Exercise description
For the entries below, say how many lines include the word "NOTDEFINED" and add nothing else.

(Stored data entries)
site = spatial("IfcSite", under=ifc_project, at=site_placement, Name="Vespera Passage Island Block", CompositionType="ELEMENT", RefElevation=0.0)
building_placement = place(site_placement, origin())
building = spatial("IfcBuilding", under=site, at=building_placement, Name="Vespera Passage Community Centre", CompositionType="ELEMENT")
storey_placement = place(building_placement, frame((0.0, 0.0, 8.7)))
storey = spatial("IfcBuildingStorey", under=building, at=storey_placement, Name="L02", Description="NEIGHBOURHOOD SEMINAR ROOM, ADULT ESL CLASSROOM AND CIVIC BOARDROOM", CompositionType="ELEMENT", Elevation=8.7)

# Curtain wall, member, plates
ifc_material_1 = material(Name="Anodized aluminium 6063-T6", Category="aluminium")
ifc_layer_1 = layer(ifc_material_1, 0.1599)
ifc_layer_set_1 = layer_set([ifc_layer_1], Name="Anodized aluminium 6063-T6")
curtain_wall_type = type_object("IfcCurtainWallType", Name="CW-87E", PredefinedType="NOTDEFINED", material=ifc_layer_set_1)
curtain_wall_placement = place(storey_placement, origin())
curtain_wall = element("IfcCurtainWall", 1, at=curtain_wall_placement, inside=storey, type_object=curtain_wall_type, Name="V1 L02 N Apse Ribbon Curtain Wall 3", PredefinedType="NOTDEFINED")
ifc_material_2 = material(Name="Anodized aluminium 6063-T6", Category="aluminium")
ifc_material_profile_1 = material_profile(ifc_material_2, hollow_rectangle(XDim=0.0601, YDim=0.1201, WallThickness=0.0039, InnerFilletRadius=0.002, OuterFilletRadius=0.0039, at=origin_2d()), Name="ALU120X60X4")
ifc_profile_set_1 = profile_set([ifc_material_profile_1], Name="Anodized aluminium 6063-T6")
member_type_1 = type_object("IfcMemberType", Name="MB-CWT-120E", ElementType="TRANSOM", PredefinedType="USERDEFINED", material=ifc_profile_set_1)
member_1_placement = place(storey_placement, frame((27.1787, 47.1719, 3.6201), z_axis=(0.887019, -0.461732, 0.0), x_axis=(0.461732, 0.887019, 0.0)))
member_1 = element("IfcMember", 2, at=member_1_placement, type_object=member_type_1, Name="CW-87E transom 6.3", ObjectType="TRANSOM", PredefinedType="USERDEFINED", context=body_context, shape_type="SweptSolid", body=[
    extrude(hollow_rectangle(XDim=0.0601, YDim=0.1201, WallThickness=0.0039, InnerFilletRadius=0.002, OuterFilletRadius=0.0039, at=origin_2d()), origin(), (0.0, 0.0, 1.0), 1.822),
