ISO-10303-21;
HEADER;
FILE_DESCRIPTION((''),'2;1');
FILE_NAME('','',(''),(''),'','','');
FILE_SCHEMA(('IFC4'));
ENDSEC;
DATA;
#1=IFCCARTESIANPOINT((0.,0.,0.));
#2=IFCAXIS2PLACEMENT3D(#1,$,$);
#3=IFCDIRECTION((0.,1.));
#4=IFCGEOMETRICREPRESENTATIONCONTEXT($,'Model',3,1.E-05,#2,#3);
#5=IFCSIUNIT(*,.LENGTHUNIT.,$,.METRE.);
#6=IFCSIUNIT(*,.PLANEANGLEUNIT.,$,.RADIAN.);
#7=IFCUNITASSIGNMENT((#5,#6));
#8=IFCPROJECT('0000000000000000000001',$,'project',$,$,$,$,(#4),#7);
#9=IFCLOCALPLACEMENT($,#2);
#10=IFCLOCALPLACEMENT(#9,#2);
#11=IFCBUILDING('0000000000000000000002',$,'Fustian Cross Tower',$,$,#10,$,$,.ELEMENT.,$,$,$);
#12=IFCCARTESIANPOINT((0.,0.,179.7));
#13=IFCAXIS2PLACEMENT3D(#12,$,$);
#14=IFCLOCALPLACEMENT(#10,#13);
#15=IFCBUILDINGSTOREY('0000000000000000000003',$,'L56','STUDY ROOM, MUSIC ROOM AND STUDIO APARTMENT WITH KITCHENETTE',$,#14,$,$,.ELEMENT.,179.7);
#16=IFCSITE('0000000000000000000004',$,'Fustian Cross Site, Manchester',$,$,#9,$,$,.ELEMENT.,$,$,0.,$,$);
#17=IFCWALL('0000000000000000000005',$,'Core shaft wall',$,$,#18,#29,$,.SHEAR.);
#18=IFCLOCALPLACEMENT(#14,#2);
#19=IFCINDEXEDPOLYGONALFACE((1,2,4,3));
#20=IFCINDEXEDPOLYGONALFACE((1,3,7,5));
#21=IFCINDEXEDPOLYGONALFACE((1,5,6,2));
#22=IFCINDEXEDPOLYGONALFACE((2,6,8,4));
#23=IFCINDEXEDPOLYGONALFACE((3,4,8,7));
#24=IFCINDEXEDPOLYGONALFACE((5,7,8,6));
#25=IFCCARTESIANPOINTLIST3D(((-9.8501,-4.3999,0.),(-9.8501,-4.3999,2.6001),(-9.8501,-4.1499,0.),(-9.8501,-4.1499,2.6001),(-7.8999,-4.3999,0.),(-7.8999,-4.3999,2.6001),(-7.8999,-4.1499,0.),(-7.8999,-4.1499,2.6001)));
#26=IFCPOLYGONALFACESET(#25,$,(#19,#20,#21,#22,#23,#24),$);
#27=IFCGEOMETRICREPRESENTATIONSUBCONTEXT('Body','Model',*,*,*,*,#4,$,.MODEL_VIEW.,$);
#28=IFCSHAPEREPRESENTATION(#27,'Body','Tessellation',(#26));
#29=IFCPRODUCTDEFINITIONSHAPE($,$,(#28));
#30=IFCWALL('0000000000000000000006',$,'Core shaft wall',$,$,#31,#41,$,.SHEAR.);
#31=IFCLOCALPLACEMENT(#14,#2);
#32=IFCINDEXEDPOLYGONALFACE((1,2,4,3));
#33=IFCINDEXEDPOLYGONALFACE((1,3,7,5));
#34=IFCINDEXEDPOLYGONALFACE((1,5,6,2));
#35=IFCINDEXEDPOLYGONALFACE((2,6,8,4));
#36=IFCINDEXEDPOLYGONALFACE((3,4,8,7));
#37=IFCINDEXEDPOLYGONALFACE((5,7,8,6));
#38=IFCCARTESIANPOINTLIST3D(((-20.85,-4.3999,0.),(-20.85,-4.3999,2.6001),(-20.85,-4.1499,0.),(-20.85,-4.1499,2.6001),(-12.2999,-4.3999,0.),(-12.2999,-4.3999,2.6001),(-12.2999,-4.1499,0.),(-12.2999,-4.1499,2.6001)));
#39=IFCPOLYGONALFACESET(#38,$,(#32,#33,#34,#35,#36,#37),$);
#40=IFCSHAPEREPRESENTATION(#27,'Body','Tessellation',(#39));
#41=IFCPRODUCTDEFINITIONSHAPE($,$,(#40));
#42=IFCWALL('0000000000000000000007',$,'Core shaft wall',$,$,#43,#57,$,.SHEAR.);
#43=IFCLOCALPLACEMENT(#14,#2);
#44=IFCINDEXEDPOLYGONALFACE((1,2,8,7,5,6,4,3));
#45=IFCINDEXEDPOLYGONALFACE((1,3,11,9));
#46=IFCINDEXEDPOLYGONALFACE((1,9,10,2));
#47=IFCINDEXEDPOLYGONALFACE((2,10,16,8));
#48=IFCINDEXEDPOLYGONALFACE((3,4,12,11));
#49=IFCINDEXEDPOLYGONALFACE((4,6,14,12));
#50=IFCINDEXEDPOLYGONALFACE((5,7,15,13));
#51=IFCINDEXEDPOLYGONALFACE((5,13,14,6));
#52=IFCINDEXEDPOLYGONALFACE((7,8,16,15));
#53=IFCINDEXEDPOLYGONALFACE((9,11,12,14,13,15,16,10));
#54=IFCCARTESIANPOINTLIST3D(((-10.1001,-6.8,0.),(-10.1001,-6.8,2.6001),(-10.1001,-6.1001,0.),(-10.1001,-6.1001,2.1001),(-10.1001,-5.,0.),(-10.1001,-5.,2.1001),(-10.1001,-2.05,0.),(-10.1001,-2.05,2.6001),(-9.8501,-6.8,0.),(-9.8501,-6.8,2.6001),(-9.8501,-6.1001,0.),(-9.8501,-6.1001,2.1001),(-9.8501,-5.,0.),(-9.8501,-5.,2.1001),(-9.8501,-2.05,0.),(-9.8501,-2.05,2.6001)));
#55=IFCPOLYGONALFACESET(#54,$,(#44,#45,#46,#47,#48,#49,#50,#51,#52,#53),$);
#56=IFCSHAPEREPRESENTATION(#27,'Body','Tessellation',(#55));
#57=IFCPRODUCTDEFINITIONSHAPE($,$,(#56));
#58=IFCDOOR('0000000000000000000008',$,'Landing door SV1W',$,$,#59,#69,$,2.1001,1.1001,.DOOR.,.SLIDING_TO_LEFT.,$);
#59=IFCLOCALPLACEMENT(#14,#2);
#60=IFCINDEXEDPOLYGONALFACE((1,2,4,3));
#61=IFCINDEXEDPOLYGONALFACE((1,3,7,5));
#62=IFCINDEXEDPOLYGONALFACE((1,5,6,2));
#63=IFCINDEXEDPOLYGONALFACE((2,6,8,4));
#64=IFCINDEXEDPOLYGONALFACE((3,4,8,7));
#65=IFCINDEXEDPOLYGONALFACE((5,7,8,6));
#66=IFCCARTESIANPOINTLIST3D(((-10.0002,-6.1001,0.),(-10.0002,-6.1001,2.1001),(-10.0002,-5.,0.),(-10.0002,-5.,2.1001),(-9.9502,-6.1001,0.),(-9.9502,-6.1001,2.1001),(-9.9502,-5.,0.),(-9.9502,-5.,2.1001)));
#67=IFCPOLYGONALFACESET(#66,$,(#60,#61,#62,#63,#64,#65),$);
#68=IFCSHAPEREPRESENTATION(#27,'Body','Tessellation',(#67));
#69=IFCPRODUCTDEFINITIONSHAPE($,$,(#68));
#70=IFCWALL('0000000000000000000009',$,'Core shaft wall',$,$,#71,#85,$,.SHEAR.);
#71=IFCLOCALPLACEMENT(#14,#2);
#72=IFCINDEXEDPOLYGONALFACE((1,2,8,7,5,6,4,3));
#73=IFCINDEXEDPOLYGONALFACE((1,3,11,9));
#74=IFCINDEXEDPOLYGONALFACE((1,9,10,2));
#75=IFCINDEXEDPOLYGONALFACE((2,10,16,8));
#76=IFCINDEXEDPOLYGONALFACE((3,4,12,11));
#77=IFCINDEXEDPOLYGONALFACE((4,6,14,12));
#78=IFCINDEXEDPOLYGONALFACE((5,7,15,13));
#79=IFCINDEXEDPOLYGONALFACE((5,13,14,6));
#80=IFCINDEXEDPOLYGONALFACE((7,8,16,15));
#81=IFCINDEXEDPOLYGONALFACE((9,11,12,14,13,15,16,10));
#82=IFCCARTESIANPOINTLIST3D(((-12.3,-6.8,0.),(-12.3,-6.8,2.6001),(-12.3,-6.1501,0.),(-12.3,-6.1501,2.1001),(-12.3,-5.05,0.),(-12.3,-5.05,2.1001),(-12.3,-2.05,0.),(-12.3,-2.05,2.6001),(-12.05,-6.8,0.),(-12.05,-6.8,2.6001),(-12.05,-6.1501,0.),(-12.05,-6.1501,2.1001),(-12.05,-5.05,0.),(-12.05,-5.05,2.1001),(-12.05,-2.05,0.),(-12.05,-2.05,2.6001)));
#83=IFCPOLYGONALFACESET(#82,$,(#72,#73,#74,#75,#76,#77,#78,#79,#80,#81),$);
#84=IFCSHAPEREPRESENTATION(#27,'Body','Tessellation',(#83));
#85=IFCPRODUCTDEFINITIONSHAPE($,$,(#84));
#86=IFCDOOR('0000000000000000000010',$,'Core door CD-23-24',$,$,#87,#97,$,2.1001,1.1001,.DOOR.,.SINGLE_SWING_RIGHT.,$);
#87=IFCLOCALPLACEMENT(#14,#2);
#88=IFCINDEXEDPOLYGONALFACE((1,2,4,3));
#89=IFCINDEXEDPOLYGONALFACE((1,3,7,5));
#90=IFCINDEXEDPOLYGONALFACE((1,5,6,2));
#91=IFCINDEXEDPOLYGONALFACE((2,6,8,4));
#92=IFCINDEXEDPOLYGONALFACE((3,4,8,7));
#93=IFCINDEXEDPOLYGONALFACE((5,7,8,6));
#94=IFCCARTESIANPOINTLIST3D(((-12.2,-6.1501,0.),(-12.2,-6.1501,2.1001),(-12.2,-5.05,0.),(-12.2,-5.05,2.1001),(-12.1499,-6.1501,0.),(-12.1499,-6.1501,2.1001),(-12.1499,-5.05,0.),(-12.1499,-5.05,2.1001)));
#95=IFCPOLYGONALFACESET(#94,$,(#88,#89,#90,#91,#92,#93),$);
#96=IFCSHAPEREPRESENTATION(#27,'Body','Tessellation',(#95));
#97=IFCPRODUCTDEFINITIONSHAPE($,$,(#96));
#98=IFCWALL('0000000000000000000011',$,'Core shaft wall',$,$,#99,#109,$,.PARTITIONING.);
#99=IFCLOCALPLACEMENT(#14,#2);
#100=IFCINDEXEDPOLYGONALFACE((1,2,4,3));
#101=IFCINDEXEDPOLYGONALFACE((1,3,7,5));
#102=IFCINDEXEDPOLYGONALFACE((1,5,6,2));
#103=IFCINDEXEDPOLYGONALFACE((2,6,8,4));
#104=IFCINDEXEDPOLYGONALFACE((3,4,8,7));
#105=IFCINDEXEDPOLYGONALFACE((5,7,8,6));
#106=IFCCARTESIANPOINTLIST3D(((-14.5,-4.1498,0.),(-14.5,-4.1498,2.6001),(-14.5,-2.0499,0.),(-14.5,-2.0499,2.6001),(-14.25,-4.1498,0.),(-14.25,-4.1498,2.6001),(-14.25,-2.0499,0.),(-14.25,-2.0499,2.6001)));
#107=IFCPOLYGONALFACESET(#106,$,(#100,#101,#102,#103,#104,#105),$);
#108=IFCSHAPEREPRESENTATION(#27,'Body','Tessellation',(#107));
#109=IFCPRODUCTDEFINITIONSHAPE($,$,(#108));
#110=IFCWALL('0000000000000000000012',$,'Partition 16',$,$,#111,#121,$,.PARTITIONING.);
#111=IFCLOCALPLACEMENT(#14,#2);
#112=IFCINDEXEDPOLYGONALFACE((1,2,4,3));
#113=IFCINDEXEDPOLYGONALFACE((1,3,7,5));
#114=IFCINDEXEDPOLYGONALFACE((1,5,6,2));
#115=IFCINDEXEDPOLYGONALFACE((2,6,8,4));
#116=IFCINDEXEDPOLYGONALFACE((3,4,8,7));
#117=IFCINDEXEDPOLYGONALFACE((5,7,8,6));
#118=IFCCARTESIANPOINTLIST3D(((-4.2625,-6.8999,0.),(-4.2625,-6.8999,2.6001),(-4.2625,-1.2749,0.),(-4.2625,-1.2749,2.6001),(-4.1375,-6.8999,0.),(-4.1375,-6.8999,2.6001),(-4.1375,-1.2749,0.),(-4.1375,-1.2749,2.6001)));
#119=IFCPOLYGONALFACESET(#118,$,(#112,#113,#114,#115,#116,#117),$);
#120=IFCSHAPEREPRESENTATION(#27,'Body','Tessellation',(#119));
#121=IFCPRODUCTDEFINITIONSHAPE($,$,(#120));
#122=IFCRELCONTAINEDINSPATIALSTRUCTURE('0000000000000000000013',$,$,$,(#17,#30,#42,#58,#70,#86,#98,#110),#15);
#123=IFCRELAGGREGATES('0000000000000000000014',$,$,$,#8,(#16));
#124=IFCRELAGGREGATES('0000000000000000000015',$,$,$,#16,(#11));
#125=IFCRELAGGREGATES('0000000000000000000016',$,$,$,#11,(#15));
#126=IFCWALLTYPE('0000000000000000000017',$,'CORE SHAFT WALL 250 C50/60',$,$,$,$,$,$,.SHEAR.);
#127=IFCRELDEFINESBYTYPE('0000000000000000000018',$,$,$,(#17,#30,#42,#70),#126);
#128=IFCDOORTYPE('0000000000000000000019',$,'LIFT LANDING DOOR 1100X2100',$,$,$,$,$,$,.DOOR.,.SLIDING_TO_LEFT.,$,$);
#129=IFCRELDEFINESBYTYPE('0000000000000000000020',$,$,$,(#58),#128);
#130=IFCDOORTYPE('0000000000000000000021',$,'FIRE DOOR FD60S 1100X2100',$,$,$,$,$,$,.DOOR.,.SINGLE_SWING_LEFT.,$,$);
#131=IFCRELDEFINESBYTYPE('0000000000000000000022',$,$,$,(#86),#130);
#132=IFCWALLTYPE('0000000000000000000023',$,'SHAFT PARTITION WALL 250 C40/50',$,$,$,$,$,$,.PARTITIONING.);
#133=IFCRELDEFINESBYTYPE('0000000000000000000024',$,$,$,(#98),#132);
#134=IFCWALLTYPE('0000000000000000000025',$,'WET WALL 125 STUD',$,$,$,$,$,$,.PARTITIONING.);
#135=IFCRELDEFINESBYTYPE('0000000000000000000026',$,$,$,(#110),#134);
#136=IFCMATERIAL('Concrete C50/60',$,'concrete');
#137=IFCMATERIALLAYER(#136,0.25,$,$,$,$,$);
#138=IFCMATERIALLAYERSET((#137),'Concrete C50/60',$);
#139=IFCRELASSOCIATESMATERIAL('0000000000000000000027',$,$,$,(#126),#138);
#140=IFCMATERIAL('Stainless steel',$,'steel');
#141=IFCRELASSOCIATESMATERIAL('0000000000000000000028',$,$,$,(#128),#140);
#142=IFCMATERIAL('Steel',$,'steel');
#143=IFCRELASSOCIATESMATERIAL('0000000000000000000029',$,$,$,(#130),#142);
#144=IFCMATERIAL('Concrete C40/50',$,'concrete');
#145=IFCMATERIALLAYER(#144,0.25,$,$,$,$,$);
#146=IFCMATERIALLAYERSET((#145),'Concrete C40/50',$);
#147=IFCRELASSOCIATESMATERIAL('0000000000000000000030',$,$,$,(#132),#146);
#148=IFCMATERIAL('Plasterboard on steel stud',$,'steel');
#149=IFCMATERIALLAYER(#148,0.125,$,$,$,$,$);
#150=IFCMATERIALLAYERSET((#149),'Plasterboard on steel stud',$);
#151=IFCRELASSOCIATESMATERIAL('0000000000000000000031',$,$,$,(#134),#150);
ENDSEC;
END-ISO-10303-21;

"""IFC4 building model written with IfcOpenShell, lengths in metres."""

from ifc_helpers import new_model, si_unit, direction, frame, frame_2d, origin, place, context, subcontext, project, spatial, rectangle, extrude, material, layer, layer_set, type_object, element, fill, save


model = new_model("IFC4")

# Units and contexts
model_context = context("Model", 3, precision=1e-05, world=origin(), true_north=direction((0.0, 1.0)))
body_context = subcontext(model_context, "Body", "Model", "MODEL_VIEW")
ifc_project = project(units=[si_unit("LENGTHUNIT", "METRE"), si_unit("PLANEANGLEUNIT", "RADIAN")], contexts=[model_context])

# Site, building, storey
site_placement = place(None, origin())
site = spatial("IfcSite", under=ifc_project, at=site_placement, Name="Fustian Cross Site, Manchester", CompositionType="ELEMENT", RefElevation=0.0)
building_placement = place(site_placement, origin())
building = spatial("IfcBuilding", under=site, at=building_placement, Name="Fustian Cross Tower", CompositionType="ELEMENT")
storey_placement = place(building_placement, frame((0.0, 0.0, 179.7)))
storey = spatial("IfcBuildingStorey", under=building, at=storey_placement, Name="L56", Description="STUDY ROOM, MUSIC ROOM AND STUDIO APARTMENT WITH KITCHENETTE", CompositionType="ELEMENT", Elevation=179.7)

Answer space
2